• [WHAT IS NEEDED] From the entries below, output the line with "x_axis=(0.0, 1.0, 0.0)))" and each following line up to and including the line with "frame((11.0049, 0.0, 0.0)))", exactly as written.

::::::::::

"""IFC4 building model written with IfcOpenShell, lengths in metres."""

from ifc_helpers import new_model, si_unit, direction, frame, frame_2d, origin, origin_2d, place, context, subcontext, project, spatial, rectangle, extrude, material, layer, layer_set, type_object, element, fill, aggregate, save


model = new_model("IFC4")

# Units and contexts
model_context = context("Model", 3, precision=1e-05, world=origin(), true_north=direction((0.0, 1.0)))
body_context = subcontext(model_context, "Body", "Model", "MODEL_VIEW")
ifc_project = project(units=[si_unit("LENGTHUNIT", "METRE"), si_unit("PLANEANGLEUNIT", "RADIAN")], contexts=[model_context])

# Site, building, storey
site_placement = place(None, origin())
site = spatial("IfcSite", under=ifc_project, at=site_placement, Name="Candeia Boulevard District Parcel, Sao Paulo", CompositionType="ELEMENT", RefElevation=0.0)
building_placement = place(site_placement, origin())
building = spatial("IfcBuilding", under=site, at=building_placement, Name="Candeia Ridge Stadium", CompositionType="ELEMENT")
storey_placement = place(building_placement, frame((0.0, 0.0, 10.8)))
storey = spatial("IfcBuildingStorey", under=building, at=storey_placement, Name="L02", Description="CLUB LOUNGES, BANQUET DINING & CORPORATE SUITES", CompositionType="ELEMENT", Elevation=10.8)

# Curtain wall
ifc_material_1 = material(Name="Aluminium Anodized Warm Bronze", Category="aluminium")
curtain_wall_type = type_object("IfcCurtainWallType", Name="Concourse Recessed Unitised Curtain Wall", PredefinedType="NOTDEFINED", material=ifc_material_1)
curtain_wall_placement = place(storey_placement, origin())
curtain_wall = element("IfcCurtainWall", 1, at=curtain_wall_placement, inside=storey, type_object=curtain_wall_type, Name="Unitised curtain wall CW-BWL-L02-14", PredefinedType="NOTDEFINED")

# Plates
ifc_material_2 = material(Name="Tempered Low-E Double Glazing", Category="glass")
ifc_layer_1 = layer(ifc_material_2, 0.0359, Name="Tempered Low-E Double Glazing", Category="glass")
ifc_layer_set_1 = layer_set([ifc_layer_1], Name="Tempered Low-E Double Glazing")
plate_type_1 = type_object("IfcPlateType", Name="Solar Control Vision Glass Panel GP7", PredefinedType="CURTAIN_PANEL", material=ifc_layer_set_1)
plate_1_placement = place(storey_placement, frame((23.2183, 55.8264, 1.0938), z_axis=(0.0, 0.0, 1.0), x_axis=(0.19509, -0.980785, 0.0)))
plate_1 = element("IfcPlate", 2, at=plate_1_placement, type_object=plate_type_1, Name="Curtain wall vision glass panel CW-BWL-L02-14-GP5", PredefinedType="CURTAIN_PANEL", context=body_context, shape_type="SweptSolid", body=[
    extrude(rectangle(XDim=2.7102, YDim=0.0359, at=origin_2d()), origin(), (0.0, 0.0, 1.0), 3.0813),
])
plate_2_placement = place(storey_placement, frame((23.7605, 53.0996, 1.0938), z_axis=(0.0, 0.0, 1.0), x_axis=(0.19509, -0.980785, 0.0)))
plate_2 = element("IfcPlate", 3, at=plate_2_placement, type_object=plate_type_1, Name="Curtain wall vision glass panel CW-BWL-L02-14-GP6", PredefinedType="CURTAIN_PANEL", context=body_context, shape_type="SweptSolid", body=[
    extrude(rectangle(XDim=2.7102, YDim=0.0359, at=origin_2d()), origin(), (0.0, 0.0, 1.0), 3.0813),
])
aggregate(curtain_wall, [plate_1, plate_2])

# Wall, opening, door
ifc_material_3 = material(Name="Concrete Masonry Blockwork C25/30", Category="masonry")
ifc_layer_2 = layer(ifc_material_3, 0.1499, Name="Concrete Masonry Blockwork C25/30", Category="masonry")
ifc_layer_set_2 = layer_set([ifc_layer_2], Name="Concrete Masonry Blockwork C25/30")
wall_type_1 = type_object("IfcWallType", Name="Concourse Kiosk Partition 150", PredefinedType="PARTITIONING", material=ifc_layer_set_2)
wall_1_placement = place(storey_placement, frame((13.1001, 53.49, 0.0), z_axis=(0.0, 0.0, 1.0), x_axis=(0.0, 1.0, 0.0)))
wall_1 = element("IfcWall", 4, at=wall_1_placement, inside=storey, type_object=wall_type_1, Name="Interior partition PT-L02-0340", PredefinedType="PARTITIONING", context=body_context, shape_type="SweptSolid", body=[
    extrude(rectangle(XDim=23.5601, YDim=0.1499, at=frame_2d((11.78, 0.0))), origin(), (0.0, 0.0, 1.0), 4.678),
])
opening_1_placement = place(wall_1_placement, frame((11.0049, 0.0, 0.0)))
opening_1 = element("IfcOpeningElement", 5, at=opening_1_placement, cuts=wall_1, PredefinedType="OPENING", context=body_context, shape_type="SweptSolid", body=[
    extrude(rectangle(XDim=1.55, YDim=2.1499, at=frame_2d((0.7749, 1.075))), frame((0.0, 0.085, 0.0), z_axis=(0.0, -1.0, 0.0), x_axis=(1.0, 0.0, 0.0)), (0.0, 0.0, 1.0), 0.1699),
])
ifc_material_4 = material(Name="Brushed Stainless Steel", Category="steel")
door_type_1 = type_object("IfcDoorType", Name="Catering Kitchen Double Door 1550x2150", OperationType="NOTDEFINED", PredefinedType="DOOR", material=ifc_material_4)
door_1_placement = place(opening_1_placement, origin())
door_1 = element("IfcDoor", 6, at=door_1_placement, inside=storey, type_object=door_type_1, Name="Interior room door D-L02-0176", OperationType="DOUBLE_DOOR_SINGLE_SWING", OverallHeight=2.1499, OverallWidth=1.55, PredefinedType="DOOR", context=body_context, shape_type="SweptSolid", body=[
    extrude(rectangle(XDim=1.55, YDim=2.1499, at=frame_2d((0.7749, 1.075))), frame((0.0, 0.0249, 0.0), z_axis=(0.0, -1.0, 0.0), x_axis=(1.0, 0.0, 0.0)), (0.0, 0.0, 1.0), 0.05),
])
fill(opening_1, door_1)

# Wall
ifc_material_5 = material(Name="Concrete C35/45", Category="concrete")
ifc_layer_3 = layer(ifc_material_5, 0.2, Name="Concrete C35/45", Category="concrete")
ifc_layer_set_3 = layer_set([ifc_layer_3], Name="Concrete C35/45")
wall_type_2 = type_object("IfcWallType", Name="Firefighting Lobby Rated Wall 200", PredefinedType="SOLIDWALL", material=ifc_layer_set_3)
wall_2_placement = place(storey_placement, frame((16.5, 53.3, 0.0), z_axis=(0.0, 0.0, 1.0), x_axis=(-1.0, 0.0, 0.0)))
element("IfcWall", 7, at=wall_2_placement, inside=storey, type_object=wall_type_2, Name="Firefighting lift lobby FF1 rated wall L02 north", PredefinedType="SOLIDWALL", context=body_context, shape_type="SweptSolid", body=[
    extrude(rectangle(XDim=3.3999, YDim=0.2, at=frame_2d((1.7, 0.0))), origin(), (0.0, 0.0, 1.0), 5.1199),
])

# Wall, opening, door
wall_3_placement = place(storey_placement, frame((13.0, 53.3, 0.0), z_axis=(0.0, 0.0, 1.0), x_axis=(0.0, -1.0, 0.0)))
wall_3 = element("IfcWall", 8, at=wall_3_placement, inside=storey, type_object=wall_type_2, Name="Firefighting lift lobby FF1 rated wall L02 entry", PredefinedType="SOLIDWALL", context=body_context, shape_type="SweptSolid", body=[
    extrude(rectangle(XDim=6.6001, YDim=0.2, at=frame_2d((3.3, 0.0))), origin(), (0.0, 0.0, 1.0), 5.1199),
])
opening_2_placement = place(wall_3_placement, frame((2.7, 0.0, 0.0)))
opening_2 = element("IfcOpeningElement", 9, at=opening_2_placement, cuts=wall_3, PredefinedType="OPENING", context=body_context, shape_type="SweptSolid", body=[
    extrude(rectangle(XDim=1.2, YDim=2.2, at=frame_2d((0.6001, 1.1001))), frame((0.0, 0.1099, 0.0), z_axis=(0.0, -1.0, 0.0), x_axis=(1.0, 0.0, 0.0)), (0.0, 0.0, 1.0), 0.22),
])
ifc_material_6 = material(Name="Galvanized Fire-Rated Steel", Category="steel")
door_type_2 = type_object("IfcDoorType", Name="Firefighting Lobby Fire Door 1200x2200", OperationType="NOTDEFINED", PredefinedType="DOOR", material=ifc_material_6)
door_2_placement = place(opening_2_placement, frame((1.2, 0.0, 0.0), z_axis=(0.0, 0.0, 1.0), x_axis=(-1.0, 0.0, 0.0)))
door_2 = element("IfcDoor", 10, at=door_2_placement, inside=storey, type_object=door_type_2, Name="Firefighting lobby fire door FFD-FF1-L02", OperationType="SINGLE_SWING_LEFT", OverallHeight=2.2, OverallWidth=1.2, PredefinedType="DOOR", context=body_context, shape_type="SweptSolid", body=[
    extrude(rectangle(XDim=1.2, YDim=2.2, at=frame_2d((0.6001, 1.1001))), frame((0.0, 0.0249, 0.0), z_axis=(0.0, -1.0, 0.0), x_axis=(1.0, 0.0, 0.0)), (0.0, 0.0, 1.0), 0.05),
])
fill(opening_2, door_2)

::::::::::

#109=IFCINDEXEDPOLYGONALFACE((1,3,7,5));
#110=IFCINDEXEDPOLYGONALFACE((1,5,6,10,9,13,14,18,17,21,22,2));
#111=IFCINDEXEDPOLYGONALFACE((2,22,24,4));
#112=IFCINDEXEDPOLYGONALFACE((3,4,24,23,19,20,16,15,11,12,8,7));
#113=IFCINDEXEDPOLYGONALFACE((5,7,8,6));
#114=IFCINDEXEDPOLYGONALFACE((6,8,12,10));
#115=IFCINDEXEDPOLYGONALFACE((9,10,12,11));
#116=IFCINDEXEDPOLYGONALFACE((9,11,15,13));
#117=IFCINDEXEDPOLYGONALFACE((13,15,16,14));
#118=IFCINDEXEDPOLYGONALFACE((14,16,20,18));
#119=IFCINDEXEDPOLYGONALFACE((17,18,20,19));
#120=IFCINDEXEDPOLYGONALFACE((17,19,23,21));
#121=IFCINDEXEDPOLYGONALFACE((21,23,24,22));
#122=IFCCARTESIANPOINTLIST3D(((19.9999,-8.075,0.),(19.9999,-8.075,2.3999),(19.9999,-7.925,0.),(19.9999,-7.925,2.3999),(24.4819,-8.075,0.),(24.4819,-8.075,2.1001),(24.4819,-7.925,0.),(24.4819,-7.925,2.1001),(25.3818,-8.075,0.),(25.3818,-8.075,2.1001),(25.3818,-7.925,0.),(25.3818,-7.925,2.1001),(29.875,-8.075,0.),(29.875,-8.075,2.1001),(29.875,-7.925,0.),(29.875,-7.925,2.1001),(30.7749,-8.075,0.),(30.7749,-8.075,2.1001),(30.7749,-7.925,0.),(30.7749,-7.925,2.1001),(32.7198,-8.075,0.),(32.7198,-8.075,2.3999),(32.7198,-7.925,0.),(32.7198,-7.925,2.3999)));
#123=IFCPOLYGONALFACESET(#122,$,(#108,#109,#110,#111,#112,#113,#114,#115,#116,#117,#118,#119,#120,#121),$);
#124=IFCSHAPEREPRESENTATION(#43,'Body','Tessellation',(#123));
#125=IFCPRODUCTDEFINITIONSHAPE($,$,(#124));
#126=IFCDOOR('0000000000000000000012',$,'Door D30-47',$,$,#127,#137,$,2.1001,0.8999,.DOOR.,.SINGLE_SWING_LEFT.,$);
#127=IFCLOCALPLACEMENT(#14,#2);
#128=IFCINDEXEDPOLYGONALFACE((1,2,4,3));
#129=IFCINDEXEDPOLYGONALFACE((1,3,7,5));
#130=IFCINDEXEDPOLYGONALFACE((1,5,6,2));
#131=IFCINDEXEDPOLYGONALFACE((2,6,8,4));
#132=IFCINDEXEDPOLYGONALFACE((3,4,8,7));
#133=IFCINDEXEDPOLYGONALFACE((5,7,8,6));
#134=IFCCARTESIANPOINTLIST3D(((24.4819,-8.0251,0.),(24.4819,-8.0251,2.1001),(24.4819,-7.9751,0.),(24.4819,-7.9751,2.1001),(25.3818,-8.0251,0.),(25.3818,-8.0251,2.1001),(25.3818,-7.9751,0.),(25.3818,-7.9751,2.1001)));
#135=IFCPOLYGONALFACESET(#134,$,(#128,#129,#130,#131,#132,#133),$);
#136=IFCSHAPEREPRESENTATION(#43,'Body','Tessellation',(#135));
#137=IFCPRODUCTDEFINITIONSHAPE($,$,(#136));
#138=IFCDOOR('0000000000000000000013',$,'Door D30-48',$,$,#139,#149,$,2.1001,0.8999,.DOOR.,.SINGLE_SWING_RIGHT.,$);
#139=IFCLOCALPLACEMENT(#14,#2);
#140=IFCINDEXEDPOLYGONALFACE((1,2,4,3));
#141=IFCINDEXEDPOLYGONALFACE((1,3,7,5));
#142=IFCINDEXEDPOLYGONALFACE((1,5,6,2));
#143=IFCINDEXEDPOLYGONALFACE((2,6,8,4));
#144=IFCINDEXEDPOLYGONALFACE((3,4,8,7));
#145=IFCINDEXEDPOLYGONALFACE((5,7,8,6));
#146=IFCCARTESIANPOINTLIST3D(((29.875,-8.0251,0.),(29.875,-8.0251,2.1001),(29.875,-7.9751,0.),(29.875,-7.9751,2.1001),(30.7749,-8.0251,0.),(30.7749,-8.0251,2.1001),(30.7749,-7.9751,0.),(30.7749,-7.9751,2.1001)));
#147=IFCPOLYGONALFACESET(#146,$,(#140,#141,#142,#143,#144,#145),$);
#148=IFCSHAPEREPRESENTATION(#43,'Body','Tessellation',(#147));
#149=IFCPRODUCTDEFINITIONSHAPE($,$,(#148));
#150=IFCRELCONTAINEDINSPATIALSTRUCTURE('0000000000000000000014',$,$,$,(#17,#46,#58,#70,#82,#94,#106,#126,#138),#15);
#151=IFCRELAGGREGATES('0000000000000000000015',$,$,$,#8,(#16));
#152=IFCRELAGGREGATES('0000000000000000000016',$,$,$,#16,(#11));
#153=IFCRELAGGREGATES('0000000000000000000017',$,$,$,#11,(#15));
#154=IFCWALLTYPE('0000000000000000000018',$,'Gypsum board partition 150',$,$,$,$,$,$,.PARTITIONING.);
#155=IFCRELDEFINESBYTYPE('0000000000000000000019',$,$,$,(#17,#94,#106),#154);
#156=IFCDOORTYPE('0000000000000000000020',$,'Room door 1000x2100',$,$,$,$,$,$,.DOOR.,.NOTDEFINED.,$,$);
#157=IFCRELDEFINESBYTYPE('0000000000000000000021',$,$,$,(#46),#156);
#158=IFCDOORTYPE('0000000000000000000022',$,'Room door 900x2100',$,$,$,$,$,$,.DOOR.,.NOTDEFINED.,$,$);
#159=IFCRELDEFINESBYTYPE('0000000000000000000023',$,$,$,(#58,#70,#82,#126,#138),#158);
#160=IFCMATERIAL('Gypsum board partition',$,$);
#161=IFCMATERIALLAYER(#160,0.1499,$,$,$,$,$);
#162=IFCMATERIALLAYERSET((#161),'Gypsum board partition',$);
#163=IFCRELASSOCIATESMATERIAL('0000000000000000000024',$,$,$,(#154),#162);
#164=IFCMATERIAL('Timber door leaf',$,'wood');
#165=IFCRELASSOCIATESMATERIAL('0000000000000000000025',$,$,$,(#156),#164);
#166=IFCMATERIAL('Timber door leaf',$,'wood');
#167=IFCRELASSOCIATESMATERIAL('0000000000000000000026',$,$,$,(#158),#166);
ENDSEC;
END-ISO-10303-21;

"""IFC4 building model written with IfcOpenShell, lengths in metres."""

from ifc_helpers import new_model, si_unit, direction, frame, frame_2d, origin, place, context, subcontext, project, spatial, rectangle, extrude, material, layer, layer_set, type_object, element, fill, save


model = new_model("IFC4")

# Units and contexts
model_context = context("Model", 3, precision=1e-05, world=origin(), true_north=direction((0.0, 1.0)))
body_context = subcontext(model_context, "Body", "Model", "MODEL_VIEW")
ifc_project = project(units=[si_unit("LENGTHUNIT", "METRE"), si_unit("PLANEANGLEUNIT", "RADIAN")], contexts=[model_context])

::::::::::

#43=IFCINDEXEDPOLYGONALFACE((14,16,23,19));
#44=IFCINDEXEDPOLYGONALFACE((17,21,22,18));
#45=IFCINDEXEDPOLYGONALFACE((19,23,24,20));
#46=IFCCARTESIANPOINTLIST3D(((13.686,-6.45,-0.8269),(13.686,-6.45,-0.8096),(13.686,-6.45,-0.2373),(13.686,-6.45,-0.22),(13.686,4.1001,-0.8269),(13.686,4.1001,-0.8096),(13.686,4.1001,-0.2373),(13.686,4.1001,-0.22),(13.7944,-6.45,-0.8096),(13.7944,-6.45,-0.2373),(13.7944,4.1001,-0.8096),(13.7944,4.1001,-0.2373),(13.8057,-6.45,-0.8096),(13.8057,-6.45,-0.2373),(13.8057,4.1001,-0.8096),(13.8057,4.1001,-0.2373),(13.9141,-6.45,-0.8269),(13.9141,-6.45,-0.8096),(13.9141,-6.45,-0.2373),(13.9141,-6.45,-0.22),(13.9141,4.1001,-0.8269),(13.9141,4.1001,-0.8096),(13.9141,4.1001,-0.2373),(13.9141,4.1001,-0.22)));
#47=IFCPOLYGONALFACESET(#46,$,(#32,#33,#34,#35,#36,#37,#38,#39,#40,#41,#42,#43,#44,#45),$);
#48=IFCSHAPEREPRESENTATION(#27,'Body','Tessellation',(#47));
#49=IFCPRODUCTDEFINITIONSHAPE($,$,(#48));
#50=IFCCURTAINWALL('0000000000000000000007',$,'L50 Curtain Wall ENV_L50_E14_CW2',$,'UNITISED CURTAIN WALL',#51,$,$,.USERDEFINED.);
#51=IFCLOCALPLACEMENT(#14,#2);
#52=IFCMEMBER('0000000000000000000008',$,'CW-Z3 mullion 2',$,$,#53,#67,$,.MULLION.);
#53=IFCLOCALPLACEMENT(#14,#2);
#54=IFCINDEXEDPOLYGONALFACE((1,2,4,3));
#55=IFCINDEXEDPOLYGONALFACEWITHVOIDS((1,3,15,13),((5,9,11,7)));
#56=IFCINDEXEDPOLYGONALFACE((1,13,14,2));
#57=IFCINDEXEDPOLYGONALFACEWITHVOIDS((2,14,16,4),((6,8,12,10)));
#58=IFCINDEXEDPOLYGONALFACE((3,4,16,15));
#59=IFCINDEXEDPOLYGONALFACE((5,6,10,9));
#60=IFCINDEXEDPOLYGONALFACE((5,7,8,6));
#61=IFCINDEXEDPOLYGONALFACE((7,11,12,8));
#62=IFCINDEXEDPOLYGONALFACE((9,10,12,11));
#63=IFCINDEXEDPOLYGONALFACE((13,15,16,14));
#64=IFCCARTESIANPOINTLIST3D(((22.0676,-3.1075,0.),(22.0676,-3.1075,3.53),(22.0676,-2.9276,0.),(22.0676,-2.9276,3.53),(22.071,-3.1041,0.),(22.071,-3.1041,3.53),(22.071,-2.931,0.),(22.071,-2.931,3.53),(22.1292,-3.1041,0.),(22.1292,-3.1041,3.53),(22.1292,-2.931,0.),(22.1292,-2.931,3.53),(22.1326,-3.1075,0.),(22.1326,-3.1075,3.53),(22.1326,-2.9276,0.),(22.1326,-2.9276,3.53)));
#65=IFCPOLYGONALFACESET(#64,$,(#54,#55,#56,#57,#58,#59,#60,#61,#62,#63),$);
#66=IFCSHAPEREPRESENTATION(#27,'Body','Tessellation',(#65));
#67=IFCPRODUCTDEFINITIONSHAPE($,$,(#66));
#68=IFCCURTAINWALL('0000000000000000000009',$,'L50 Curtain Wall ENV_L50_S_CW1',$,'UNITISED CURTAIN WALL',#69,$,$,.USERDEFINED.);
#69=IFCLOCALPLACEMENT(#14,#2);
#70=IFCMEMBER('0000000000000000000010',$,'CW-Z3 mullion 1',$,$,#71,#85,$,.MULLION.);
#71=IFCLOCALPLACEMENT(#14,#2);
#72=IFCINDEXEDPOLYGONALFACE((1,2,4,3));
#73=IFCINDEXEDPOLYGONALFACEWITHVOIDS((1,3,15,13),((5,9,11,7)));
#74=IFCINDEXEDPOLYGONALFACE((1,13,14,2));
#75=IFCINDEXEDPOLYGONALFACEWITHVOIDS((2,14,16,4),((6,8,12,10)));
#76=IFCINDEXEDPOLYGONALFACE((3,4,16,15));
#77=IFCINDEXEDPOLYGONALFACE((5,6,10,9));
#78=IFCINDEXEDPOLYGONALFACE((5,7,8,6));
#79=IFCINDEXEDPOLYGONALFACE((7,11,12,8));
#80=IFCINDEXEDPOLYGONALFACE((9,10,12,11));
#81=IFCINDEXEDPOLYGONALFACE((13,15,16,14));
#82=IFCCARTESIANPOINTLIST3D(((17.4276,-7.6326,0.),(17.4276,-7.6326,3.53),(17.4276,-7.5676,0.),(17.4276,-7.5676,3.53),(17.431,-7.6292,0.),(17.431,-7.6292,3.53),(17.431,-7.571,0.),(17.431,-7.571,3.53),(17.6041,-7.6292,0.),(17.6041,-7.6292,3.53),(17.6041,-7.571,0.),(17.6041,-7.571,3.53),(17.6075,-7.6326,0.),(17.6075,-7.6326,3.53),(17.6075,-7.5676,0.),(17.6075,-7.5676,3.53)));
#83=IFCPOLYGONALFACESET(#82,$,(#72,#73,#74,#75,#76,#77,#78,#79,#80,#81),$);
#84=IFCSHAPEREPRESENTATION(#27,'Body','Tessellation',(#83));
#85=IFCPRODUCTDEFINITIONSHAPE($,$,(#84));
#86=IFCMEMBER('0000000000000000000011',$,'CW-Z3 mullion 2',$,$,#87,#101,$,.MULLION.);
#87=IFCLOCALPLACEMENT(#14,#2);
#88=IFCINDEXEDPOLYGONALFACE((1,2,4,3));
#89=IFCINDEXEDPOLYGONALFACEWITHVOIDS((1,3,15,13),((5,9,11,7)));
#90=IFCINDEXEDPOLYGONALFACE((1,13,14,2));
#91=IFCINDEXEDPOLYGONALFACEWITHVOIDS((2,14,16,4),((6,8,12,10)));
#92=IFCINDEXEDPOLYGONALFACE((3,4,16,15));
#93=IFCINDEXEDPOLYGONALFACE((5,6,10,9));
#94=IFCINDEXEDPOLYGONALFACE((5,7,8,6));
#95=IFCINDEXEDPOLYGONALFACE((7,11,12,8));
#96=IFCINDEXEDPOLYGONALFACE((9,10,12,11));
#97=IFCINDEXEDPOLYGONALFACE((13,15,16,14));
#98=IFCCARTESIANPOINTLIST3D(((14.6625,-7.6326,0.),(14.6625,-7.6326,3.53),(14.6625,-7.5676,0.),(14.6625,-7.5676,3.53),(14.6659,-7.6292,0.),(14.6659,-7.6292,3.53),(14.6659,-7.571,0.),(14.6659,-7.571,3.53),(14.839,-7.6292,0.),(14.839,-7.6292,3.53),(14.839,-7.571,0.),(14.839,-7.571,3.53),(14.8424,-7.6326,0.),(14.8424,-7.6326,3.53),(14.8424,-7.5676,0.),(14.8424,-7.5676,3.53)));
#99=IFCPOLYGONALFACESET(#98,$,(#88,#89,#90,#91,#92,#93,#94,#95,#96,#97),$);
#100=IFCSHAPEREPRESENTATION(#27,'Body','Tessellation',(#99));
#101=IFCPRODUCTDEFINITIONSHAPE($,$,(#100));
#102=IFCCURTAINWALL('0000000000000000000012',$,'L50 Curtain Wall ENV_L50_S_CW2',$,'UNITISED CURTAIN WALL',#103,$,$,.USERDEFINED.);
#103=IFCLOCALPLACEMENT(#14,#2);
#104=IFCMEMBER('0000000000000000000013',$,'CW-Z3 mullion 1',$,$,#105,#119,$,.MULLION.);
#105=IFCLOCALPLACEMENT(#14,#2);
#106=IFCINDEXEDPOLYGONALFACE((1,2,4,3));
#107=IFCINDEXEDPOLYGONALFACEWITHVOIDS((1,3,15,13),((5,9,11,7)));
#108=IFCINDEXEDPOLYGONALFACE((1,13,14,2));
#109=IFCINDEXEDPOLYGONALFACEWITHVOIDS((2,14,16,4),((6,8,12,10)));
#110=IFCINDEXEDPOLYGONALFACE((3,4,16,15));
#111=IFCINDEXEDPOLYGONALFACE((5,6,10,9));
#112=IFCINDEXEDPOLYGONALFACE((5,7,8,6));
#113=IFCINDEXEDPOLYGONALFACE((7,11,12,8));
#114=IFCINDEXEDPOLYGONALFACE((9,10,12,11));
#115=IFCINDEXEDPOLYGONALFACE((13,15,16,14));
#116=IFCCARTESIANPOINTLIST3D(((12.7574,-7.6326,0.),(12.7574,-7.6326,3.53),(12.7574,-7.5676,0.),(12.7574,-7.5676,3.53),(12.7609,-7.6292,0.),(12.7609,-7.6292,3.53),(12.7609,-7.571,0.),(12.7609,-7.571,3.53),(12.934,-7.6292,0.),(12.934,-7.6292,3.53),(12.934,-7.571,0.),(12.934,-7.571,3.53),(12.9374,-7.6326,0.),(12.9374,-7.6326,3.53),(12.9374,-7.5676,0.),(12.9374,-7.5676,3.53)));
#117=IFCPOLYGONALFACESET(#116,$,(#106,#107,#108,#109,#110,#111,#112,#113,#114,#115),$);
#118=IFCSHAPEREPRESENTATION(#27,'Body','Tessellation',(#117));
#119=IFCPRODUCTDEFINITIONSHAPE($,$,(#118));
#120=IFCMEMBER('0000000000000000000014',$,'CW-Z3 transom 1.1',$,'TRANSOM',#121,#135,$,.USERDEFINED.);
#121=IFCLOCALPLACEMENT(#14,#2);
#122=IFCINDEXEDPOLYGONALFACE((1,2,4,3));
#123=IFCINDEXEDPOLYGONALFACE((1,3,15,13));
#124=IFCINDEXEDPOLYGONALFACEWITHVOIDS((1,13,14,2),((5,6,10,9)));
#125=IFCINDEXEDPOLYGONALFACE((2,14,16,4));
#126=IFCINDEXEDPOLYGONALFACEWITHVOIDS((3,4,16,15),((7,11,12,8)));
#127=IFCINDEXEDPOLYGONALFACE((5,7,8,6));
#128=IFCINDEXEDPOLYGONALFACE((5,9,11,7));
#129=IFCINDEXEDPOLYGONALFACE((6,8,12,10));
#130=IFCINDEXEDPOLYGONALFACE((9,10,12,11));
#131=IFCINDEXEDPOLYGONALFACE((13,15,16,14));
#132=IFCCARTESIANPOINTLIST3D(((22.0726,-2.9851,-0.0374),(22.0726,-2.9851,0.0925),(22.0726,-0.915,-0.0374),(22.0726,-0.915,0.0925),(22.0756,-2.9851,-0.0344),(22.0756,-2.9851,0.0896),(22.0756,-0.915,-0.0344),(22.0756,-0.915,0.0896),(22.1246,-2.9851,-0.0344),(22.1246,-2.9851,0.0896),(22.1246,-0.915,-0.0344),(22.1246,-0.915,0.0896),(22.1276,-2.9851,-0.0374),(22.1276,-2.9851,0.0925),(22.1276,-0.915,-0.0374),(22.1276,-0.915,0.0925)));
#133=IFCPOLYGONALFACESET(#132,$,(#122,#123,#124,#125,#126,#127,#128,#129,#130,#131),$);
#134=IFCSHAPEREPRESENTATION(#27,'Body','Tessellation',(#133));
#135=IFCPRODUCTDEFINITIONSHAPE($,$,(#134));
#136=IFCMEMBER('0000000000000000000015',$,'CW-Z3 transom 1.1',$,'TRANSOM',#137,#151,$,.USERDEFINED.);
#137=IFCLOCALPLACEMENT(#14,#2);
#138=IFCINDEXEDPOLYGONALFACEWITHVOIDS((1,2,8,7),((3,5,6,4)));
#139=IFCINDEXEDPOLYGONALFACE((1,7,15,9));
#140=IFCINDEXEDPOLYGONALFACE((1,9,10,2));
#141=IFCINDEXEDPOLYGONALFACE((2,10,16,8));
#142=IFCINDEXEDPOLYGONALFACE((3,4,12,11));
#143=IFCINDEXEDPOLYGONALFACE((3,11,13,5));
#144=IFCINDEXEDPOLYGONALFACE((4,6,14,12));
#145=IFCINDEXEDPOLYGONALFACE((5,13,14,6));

::::::::::

• [WRITTEN ANSWER]
wall_1_placement = place(storey_placement, frame((13.1001, 53.49, 0.0), z_axis=(0.0, 0.0, 1.0), x_axis=(0.0, 1.0, 0.0)))
wall_1 = element("IfcWall", 4, at=wall_1_placement, inside=storey, type_object=wall_type_1, Name="Interior partition PT-L02-0340", PredefinedType="PARTITIONING", context=body_context, shape_type="SweptSolid", body=[
    extrude(rectangle(XDim=23.5601, YDim=0.1499, at=frame_2d((11.78, 0.0))), origin(), (0.0, 0.0, 1.0), 4.678),
])
opening_1_placement = place(wall_1_placement, frame((11.0049, 0.0, 0.0)))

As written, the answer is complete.